------ Record set

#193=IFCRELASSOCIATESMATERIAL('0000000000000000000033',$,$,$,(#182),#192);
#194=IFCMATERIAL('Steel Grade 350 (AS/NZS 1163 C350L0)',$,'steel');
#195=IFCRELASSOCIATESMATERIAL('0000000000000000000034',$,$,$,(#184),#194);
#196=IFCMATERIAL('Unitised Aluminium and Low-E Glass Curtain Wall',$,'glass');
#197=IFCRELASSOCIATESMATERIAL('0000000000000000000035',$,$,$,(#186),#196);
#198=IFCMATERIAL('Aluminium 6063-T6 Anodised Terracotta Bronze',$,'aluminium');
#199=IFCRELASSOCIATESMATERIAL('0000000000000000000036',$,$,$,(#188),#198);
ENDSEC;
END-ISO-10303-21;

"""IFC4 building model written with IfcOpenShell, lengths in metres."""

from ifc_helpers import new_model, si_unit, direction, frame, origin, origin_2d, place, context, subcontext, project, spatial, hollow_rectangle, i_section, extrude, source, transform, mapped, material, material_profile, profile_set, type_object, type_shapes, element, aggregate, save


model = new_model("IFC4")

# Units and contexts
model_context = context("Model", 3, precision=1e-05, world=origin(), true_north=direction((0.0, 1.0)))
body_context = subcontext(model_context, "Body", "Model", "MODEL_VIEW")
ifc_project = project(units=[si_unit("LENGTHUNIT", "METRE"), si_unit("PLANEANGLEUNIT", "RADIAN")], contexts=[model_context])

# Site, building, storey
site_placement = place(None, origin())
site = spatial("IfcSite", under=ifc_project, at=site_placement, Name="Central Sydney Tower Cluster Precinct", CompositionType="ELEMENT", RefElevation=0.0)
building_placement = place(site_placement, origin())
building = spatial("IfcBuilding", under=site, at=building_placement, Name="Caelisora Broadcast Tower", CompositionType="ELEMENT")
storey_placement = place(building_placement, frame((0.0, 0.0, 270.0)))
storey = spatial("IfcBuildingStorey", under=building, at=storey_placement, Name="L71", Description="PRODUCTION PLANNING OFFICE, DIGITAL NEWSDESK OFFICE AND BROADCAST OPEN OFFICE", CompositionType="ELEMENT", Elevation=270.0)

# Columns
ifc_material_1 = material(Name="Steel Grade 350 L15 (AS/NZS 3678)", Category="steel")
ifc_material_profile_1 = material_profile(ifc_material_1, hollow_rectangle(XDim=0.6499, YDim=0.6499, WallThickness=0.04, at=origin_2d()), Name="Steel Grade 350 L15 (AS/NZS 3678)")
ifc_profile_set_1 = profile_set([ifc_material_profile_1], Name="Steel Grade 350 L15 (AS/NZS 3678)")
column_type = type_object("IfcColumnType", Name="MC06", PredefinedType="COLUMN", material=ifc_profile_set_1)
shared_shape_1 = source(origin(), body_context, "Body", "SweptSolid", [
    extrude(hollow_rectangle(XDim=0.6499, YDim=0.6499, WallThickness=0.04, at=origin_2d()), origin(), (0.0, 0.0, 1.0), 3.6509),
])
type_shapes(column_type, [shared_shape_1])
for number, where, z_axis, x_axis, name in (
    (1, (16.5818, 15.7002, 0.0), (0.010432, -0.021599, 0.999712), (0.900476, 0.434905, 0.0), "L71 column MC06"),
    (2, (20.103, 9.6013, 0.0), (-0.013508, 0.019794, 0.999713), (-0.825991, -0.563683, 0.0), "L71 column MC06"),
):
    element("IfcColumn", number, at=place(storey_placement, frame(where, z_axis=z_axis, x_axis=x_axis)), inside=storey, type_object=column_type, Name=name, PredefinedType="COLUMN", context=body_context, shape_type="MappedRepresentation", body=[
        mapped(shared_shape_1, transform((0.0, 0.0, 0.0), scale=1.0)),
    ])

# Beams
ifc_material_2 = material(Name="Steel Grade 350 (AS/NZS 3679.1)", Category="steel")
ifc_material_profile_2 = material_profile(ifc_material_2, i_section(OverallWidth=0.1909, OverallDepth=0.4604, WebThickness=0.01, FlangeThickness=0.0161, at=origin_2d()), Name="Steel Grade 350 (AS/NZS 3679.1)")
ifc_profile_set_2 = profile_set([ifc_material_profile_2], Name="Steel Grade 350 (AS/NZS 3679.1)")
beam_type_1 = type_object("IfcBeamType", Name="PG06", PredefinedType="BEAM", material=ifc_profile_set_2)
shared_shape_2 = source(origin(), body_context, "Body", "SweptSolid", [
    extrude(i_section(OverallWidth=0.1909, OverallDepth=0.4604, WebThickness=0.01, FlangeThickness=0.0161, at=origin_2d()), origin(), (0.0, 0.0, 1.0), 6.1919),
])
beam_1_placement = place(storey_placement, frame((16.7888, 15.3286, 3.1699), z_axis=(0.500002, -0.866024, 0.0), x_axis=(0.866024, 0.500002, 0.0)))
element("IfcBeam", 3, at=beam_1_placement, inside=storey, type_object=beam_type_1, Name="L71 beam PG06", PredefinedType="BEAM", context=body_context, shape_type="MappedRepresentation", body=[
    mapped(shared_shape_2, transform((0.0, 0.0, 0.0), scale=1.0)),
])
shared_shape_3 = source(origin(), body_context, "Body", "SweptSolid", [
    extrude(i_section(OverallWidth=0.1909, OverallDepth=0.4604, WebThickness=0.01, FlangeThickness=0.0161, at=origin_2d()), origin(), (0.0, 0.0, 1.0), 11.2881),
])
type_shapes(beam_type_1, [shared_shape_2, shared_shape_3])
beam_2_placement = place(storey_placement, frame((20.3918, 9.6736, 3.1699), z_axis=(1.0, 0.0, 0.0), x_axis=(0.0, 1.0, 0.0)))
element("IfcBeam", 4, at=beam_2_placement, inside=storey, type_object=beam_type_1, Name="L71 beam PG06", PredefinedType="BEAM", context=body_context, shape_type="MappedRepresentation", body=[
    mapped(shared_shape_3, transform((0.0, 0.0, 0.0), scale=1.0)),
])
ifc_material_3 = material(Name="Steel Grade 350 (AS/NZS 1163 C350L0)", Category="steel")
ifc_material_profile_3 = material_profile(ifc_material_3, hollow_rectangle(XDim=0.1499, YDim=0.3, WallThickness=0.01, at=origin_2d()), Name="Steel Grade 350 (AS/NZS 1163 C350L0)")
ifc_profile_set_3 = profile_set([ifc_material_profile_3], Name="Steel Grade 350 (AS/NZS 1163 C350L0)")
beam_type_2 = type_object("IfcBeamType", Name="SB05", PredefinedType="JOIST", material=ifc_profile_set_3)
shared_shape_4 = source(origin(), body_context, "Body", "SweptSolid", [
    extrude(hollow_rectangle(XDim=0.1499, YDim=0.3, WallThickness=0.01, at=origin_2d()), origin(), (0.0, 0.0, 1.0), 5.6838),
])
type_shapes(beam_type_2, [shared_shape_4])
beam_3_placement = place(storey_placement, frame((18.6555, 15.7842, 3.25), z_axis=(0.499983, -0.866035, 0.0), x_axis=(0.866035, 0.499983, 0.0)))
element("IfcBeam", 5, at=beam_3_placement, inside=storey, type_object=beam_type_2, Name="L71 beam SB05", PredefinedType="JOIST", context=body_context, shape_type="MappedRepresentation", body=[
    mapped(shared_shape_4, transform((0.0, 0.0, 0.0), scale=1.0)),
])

------------

▶ [Try it]:
The expected result is every line from the material above that includes "Aluminium".

▶ [Result of this exercise]:
#196=IFCMATERIAL('Unitised Aluminium and Low-E Glass Curtain Wall',$,'glass');
#198=IFCMATERIAL('Aluminium 6063-T6 Anodised Terracotta Bronze',$,'aluminium');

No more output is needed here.